EXERCISE BRIEF
As the answer, set down the lines below from the one containing "#38=IFCINDEXEDPOLYGONALFACE((33,35,39,37));" through the one containing "#41=IFCINDEXEDPOLYGONALFACE((38,41,42,40));", exactly and inclusively, and no others.

MATERIAL FOR THIS TASK
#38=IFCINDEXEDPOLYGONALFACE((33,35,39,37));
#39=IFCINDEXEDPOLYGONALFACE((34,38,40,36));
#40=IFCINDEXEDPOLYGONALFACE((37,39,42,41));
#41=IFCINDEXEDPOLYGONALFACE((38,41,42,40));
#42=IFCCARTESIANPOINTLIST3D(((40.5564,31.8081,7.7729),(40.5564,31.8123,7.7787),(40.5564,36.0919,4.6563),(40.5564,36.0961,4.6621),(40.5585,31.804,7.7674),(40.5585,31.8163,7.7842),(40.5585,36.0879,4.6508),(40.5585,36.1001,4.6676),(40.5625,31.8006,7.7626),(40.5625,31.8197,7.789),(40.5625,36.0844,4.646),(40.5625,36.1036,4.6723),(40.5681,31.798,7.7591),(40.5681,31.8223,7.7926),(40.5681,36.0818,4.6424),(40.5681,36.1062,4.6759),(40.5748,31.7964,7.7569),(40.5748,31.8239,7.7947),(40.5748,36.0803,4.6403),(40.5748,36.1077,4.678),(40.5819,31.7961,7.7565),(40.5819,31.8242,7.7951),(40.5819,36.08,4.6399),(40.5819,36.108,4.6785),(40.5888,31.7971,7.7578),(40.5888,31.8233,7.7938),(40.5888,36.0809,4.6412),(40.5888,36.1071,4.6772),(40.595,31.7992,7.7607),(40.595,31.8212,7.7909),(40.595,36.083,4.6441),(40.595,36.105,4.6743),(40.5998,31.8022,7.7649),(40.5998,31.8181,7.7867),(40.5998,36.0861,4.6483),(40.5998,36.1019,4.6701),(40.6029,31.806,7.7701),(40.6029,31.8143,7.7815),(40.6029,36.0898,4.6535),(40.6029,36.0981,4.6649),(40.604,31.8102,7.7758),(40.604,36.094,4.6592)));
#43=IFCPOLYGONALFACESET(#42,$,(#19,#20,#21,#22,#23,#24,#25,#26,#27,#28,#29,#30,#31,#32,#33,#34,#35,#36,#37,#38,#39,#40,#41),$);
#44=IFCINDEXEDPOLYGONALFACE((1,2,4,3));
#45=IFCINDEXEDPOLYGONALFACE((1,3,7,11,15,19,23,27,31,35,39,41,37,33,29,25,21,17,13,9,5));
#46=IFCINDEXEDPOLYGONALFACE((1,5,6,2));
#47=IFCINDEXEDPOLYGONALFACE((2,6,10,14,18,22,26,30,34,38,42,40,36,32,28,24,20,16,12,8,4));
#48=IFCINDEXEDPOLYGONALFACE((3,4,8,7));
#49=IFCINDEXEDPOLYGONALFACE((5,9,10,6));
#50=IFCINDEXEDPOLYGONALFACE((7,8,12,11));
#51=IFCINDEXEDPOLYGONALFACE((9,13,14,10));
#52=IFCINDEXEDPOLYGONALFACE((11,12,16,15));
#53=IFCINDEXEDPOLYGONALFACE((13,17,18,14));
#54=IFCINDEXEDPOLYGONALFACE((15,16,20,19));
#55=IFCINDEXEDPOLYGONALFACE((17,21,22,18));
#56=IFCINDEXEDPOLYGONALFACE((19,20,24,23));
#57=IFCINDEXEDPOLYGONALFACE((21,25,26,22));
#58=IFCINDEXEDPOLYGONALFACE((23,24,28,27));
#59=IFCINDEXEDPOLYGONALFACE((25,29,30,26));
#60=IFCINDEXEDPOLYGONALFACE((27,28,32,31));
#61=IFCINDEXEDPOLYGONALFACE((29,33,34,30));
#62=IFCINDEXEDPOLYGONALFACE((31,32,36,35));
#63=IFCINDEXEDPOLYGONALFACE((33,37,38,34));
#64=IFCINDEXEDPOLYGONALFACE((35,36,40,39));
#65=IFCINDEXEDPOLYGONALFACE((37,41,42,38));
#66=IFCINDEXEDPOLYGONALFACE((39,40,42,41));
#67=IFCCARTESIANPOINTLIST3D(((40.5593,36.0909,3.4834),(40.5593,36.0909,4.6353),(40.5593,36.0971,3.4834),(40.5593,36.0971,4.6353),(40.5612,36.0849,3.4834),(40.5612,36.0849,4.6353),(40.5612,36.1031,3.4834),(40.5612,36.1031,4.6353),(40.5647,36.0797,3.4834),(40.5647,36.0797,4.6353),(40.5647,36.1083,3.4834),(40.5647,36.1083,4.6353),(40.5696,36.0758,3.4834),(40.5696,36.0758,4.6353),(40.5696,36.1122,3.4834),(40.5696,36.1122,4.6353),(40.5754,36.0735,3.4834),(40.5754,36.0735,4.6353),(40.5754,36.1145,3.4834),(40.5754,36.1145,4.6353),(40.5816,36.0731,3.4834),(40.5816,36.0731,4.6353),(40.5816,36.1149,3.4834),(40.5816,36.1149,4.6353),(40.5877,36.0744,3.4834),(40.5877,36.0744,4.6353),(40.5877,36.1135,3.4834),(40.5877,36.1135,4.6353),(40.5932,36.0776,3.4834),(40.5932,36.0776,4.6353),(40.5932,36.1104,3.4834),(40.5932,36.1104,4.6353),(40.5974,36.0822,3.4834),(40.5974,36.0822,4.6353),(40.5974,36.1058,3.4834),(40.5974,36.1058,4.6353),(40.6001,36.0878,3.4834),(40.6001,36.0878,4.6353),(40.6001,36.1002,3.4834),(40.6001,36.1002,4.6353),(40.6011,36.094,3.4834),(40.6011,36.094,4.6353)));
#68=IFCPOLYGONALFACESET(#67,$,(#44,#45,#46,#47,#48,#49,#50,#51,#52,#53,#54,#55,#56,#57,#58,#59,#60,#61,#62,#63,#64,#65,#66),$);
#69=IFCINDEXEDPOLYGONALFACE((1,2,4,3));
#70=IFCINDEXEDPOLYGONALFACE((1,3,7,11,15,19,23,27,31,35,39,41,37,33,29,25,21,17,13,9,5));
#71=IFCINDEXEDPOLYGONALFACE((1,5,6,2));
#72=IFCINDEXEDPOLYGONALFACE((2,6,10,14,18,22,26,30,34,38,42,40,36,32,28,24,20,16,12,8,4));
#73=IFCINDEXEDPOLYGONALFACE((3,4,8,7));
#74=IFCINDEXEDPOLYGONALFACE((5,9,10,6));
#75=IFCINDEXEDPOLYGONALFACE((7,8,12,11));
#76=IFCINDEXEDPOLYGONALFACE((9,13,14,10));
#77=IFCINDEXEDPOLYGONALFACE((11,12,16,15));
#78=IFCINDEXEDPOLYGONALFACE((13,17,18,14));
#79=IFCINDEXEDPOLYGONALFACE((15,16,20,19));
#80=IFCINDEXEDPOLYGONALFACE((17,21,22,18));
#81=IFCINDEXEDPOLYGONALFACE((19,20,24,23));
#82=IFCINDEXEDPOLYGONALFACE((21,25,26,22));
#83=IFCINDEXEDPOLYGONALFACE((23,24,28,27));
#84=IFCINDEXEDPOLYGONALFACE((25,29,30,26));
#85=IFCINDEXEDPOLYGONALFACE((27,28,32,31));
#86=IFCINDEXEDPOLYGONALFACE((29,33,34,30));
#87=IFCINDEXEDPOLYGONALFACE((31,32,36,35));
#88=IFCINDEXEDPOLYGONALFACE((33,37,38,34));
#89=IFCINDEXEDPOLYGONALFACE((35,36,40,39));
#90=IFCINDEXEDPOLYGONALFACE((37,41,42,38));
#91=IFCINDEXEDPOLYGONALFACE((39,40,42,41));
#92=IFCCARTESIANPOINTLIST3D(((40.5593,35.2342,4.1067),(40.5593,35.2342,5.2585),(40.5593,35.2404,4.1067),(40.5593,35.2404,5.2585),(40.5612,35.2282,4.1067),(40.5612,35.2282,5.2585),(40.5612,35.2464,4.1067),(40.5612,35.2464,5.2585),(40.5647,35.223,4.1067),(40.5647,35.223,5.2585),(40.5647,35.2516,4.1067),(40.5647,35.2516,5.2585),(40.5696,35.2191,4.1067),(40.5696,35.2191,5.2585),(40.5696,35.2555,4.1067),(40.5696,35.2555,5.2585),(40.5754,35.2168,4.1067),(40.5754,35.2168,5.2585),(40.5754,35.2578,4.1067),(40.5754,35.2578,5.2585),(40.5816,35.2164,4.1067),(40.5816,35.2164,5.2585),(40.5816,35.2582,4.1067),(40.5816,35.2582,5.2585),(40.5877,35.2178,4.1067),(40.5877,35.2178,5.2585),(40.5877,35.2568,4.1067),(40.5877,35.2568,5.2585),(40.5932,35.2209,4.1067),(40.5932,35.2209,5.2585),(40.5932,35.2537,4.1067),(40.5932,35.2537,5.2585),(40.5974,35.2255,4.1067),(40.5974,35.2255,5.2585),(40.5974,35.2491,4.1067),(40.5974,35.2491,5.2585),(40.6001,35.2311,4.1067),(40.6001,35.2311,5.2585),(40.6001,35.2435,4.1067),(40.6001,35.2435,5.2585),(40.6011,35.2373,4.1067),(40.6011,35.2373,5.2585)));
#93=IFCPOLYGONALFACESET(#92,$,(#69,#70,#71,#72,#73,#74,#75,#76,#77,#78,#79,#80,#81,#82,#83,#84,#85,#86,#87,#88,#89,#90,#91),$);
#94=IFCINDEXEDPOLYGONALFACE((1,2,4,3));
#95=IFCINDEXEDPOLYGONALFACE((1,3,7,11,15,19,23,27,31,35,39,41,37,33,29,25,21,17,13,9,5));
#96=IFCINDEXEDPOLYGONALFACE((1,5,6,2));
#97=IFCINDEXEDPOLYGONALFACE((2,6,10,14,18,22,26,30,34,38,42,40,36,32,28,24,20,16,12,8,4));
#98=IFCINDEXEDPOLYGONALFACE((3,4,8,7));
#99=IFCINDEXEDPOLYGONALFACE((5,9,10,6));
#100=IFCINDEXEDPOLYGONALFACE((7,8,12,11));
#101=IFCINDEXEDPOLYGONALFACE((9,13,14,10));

---

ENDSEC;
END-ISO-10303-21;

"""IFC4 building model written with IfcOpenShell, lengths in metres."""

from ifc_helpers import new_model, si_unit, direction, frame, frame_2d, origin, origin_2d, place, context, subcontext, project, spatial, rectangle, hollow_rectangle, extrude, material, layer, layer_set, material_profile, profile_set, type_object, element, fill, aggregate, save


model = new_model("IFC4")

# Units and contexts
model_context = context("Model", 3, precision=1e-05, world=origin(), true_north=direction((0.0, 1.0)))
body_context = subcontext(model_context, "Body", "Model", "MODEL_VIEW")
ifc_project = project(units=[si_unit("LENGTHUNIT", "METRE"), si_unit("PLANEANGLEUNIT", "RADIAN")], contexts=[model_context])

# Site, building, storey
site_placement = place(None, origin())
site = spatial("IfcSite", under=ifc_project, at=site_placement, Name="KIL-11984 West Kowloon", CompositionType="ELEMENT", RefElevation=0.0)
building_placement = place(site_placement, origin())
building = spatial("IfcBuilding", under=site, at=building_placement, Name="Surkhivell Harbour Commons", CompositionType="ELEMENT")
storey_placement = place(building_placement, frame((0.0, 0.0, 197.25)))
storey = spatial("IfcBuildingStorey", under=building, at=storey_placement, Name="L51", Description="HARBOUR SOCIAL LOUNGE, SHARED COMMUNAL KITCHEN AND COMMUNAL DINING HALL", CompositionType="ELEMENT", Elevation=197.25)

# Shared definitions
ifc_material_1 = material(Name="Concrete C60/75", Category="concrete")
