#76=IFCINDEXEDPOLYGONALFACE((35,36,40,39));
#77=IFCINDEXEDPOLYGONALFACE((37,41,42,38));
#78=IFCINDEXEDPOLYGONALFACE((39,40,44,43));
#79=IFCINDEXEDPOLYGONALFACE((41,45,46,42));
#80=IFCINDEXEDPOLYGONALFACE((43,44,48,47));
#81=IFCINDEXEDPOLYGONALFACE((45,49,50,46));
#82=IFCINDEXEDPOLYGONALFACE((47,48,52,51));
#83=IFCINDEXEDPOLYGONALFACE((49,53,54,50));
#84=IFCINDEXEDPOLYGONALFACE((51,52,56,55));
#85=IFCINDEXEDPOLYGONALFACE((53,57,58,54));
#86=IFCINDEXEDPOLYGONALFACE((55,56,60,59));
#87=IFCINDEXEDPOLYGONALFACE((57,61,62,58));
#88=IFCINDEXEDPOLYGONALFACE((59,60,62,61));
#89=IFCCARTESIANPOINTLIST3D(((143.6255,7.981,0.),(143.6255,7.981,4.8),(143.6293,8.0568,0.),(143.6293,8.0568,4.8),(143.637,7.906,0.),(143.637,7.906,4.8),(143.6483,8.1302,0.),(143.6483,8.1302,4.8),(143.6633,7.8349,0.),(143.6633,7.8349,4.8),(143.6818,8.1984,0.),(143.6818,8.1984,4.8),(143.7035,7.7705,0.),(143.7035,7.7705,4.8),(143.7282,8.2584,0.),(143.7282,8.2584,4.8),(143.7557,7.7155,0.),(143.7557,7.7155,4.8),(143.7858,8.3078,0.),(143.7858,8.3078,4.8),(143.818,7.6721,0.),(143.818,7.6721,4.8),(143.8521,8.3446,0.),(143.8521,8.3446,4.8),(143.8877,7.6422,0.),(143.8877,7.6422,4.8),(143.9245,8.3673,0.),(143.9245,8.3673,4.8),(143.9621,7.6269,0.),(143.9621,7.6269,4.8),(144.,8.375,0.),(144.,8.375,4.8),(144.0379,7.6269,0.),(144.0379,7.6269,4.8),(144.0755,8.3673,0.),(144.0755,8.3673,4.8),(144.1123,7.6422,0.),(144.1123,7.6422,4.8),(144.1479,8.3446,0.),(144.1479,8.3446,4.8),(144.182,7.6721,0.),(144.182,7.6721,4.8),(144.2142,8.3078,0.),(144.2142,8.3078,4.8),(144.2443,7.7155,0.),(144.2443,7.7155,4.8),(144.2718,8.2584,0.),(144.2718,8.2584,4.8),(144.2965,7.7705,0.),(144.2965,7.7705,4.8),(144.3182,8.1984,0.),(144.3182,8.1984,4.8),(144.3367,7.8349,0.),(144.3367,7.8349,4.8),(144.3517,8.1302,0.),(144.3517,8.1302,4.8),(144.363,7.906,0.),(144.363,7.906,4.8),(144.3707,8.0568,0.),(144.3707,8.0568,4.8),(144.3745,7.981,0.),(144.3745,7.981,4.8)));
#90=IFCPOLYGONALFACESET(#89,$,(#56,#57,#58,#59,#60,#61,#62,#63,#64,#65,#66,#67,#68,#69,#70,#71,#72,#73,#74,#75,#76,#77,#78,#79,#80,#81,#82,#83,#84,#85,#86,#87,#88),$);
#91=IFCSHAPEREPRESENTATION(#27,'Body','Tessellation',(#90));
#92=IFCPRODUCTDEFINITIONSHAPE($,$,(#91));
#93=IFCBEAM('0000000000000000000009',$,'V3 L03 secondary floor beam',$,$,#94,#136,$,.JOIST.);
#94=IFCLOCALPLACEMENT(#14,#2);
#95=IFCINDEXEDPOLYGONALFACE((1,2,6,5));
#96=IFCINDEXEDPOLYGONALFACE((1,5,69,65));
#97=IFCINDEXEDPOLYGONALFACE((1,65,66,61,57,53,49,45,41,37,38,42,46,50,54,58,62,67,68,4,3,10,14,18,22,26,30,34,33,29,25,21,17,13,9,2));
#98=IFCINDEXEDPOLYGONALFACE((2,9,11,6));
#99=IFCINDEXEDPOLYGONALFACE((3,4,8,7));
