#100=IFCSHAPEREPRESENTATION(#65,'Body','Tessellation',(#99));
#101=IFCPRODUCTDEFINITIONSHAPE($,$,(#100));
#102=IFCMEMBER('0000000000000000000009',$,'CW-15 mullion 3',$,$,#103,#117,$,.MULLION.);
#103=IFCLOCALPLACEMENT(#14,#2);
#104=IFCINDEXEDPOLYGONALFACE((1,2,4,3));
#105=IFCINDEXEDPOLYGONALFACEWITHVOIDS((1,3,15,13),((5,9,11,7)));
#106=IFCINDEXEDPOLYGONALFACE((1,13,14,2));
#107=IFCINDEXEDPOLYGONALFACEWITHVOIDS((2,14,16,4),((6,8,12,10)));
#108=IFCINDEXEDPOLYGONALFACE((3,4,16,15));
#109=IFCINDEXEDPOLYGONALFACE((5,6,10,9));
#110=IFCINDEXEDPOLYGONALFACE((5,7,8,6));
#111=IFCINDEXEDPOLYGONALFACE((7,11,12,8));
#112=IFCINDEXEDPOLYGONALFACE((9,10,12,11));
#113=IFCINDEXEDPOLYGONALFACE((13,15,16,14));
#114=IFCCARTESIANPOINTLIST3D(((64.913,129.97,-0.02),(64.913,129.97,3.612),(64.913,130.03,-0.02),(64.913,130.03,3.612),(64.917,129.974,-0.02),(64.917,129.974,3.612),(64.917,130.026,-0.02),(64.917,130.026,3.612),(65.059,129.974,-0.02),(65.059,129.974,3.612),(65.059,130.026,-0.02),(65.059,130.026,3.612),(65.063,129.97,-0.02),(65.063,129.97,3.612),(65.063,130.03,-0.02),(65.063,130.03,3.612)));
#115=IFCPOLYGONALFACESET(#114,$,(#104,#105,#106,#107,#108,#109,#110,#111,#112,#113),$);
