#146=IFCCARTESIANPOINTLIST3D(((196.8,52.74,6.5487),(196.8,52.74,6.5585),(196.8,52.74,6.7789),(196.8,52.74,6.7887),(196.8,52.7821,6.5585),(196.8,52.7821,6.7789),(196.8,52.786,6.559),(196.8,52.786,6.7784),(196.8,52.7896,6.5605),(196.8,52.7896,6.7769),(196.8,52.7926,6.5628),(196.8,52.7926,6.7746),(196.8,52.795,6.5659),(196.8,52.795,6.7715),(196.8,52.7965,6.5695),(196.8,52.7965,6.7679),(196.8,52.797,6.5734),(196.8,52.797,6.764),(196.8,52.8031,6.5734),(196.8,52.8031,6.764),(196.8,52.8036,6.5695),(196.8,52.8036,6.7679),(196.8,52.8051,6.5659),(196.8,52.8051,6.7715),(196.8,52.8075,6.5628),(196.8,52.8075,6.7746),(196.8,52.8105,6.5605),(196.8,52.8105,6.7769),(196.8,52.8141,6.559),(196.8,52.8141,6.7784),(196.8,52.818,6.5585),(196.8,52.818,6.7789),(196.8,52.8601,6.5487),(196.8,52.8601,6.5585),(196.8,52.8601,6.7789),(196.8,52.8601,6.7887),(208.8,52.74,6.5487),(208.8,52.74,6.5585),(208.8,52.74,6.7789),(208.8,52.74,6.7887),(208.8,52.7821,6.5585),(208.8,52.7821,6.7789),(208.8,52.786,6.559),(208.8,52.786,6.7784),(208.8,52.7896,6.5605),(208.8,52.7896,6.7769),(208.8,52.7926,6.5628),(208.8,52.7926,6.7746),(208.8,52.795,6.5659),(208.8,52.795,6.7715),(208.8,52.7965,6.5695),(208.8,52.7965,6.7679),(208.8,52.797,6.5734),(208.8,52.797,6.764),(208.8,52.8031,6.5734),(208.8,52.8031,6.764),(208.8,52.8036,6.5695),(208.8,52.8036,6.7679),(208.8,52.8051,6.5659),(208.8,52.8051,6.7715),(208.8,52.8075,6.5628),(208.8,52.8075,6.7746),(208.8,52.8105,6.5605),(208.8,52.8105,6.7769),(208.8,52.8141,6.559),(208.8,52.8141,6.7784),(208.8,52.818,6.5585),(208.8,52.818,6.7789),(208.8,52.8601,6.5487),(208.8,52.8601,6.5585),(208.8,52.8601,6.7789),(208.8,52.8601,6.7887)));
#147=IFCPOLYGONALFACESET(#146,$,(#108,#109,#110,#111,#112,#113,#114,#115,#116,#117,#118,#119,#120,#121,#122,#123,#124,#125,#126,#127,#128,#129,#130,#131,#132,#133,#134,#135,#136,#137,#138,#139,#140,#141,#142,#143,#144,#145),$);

==

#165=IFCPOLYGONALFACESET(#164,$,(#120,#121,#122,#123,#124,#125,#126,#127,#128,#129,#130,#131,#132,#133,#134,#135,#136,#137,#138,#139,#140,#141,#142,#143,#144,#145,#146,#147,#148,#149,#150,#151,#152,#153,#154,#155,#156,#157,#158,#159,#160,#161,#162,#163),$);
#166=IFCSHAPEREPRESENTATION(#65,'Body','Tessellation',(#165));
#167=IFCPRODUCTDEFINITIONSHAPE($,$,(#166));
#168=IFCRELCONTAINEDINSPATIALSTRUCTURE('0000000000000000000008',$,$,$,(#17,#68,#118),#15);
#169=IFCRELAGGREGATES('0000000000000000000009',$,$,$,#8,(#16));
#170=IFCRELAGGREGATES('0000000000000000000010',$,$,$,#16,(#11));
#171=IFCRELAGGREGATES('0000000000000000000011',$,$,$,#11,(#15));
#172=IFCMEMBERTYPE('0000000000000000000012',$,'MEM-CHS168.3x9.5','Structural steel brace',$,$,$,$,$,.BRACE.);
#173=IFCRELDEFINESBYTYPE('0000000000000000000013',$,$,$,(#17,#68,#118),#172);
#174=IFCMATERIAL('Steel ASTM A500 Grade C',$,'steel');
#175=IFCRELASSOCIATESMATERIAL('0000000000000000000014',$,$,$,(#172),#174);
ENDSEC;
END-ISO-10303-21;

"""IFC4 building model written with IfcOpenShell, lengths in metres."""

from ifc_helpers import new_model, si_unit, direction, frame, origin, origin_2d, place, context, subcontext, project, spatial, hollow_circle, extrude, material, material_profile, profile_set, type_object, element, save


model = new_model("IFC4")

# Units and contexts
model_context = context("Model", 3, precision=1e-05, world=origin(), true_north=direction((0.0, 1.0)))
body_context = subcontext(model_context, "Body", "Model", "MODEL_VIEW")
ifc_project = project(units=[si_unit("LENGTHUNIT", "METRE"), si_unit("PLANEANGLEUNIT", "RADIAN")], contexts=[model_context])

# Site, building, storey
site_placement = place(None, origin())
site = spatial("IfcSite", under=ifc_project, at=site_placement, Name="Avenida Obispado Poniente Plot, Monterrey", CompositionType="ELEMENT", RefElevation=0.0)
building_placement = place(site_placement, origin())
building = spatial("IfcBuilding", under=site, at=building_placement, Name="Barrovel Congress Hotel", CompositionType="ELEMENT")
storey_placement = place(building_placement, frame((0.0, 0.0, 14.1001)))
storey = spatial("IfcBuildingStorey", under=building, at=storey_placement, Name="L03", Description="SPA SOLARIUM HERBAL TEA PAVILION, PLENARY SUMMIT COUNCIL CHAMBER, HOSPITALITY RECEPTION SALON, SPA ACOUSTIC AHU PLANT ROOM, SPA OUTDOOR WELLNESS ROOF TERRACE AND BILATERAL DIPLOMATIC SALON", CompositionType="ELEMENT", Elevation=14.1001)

SOLUTION FOR THIS PROBLEM
#38=IFCINDEXEDPOLYGONALFACE((33,35,39,37));
#39=IFCINDEXEDPOLYGONALFACE((34,38,40,36));
#40=IFCINDEXEDPOLYGONALFACE((37,39,42,41));
#41=IFCINDEXEDPOLYGONALFACE((38,41,42,40));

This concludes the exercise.